==== Data provided
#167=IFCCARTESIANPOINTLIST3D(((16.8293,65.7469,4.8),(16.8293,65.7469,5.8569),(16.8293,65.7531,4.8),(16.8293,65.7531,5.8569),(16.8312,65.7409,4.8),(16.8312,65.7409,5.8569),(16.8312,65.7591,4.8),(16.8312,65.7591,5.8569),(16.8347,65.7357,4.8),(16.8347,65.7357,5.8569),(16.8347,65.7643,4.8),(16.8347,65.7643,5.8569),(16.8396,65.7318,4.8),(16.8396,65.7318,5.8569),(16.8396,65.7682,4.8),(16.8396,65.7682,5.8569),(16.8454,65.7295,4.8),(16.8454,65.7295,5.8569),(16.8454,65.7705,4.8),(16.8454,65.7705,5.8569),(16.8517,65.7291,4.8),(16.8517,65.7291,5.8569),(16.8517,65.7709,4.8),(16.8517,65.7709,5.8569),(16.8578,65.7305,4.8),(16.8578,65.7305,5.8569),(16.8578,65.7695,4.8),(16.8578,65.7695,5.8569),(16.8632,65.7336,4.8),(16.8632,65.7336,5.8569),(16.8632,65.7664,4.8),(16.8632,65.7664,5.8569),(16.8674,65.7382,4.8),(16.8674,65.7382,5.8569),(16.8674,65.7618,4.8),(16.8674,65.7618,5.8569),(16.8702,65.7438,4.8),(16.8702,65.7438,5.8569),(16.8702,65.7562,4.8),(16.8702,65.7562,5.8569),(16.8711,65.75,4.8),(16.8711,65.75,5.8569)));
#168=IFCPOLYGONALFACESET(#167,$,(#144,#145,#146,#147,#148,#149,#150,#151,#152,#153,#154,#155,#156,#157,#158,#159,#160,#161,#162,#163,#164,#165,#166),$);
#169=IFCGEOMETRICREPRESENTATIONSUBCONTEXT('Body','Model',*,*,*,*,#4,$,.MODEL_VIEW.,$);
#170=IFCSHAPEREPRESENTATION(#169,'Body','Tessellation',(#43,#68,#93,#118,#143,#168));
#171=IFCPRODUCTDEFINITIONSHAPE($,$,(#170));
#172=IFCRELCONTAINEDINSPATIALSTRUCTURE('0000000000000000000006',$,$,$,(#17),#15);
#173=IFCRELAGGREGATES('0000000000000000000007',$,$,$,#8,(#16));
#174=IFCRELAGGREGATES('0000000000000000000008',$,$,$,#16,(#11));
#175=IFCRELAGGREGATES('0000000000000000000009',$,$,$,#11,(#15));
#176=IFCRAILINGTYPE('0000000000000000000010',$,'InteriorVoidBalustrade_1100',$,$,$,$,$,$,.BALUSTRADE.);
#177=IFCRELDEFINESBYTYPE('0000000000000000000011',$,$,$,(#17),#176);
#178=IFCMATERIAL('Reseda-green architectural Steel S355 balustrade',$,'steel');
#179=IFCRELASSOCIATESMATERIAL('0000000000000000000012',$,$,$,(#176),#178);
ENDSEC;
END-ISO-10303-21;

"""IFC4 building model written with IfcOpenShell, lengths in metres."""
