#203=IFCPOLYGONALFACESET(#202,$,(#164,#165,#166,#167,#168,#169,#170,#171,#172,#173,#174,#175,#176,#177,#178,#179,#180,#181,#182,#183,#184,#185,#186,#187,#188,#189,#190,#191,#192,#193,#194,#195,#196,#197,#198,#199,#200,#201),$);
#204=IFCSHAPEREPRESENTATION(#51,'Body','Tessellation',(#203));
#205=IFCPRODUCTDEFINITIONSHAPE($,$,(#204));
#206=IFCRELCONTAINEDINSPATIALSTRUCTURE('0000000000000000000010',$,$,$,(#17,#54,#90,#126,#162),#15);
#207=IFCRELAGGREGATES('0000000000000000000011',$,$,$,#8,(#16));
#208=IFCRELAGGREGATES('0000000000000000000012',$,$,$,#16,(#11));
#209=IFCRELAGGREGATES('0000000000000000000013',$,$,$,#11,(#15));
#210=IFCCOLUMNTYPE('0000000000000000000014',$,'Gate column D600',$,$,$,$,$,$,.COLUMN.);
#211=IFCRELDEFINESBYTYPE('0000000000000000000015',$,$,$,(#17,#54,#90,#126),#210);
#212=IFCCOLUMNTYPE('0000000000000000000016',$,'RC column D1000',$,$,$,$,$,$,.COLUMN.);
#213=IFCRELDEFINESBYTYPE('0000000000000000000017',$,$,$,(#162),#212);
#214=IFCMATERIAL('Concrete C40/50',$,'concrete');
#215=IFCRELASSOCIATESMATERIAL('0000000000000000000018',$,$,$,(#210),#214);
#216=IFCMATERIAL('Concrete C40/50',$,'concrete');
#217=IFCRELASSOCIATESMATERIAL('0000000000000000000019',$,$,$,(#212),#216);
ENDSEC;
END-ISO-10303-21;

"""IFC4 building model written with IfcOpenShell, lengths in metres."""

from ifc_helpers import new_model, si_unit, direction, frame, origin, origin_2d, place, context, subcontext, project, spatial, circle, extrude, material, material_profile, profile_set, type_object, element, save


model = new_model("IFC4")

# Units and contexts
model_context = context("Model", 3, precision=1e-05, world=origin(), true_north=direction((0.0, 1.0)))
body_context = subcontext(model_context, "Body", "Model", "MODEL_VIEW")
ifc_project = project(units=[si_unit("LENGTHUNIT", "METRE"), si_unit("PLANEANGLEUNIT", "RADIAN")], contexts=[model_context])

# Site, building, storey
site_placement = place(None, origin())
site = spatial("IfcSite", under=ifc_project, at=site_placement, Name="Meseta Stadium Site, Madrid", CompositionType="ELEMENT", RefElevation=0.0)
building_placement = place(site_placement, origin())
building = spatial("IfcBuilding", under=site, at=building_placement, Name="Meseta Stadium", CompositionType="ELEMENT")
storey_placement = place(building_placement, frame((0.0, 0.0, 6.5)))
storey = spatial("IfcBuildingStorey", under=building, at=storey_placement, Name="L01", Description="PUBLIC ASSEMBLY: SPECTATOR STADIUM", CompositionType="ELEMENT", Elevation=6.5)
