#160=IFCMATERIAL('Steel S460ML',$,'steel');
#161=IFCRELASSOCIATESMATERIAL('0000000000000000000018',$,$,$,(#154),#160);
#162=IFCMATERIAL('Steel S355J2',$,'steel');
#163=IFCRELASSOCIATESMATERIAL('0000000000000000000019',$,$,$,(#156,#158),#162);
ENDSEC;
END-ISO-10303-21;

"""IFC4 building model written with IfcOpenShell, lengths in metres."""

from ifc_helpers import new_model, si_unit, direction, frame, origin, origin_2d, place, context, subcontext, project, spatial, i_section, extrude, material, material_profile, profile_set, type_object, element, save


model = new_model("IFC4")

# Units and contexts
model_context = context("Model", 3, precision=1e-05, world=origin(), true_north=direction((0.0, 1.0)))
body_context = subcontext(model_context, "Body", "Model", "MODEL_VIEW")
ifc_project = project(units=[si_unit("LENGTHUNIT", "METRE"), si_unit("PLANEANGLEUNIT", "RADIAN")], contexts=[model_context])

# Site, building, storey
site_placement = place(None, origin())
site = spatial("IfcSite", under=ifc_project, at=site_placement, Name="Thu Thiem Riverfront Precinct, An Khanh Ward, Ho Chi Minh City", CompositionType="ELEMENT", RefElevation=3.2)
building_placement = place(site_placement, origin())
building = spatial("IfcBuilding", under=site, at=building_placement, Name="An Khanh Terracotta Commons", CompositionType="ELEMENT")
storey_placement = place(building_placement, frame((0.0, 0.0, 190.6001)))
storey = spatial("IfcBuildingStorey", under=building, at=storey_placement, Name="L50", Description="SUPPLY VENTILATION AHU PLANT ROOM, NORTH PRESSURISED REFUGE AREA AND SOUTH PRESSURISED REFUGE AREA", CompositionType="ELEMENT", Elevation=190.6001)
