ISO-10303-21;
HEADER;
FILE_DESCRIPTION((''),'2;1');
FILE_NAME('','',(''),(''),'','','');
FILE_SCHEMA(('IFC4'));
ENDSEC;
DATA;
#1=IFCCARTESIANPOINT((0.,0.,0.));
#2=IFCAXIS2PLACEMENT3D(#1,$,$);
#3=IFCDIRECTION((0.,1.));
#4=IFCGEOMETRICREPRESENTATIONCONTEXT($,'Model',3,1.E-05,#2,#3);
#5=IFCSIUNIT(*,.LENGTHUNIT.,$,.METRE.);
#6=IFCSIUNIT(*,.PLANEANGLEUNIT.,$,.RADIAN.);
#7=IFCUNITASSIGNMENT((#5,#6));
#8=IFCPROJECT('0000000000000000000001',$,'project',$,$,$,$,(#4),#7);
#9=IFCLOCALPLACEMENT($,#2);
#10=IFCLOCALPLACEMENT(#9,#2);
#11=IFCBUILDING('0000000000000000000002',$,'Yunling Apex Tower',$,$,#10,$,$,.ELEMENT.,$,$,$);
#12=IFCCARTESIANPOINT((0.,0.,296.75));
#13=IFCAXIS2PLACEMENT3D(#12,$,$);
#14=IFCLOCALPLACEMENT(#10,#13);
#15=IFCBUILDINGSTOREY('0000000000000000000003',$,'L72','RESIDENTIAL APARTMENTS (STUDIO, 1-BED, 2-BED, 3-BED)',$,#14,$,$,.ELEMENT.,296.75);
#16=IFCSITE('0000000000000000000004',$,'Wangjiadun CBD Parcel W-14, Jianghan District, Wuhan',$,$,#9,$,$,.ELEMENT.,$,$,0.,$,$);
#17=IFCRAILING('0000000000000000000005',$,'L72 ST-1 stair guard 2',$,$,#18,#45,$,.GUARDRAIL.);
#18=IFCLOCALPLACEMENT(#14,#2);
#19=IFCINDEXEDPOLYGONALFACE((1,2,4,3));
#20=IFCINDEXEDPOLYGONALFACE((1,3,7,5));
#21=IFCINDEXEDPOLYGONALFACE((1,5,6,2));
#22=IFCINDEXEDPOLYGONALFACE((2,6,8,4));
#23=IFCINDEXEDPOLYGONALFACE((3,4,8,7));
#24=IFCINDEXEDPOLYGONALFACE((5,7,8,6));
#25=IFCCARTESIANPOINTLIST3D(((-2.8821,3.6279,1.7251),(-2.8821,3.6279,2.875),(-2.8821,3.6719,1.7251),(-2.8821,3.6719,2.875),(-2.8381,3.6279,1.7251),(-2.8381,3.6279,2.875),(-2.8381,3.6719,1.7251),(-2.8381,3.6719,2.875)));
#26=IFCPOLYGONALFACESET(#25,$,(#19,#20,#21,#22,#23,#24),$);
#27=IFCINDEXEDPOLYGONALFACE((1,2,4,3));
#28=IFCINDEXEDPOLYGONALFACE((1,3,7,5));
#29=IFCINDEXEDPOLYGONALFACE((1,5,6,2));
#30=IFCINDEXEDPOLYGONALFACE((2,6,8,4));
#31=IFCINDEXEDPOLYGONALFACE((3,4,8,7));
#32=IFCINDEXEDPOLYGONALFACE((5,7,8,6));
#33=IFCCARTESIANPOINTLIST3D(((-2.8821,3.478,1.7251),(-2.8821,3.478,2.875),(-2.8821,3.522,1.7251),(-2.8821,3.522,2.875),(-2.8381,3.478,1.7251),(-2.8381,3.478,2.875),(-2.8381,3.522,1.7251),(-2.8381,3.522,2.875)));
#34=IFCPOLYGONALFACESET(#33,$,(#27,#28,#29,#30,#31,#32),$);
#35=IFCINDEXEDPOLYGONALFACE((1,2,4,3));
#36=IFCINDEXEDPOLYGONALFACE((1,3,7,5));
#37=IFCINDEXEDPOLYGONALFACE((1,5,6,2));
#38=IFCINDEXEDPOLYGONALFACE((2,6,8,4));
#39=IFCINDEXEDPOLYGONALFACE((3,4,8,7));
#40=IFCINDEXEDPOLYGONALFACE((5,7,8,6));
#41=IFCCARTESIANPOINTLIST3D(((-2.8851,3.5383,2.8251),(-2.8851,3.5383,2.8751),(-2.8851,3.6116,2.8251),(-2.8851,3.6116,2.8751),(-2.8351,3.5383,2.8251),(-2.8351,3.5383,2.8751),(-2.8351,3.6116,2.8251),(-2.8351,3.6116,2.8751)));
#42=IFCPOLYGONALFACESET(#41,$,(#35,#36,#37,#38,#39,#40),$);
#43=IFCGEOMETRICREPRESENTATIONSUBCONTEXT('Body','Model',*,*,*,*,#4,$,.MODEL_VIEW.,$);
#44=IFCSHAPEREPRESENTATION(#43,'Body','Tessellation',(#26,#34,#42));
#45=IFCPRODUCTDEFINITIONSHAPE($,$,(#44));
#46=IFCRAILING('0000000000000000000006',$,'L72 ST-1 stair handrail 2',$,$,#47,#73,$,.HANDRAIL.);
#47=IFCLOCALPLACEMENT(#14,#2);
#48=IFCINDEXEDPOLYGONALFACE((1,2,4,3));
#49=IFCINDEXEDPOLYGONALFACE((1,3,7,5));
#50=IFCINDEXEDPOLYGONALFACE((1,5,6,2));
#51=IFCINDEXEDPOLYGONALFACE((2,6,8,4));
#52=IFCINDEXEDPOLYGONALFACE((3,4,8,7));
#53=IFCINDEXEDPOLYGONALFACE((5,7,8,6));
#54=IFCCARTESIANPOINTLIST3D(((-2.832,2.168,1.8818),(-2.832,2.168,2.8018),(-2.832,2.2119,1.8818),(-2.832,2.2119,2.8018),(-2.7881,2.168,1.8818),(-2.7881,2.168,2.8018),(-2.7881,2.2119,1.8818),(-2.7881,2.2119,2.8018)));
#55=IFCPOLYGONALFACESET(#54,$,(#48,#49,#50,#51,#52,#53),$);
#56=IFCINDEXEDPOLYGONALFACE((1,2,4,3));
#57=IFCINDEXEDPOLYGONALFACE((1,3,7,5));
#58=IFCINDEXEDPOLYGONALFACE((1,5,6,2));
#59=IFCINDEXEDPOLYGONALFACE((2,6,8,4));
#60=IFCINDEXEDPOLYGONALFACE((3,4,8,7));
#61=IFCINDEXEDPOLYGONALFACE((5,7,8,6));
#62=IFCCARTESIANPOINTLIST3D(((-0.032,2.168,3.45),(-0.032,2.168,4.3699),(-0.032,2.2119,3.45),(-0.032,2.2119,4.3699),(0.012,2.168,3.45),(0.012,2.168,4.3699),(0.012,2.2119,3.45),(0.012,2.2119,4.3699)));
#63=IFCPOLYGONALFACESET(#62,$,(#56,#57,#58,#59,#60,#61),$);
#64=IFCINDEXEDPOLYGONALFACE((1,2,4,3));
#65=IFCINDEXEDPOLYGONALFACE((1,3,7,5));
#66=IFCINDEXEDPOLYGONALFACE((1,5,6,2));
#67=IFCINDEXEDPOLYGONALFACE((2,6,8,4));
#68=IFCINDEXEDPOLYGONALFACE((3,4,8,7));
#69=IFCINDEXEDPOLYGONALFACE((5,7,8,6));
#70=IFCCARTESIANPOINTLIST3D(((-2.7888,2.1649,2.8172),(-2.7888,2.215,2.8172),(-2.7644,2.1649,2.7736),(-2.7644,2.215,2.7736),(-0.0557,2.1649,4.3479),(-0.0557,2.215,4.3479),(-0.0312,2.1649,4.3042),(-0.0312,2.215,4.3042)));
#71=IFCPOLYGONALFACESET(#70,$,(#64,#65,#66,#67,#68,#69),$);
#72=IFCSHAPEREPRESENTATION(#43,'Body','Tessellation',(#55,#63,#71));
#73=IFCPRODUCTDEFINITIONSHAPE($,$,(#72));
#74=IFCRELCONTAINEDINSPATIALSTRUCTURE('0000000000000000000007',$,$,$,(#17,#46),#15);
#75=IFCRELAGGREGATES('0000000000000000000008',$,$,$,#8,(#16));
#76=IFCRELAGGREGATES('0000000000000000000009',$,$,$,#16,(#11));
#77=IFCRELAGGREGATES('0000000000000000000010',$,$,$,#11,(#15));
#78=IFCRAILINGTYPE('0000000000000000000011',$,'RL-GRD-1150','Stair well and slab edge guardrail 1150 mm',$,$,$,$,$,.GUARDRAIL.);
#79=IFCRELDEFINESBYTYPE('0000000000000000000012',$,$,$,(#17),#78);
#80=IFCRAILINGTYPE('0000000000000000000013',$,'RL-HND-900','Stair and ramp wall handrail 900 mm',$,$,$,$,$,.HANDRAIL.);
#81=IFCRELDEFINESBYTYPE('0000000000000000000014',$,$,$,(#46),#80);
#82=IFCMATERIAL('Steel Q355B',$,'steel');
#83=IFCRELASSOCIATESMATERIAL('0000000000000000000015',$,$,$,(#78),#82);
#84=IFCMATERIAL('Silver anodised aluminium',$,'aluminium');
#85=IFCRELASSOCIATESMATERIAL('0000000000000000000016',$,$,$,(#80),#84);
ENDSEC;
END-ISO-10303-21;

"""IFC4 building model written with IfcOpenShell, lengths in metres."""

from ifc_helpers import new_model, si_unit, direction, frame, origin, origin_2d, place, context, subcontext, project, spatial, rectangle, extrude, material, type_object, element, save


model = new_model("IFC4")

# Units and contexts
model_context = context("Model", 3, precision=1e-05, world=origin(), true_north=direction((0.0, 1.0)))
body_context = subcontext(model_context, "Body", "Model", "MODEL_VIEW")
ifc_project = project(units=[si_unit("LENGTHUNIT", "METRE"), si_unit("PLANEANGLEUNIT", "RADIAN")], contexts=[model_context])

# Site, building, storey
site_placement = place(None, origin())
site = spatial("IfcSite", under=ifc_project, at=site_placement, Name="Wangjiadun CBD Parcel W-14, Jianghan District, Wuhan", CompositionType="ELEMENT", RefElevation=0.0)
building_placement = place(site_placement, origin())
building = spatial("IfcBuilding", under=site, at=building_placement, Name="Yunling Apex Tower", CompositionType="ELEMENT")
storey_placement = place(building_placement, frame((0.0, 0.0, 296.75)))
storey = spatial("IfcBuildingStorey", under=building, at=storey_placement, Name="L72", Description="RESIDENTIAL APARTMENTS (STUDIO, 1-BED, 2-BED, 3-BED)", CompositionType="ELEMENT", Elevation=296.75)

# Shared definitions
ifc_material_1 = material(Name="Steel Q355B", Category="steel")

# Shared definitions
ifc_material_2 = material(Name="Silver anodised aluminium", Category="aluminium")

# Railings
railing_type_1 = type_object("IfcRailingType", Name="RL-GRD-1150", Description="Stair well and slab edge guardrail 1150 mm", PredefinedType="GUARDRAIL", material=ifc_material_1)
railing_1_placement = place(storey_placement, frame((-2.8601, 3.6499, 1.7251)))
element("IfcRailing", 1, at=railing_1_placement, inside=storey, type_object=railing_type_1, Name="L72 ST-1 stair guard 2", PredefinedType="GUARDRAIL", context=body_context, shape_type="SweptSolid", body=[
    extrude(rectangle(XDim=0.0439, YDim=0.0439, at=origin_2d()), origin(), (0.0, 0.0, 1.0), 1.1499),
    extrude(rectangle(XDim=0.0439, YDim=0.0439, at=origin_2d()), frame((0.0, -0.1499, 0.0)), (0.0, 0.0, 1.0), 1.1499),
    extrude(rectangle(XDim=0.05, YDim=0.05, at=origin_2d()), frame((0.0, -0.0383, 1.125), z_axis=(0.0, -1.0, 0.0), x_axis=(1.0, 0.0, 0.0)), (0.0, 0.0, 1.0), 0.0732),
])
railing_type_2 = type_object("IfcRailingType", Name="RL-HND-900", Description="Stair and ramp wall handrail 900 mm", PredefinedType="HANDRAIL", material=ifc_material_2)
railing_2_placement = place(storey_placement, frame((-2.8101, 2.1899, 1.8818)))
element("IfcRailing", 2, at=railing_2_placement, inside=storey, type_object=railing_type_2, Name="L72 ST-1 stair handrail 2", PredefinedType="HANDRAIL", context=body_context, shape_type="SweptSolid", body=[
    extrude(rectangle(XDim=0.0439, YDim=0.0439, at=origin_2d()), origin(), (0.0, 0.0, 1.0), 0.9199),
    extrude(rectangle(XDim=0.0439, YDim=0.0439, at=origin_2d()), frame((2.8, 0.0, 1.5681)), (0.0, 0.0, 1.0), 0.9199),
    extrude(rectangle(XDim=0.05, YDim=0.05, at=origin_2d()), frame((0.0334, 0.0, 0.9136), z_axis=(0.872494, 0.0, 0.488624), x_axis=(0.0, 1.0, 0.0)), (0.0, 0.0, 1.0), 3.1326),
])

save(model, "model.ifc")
========
Description of the task: Using the data above, report how many lines include the string "IFCSHAPEREPRESENTATION" and add nothing to the number.

Expected answer: 4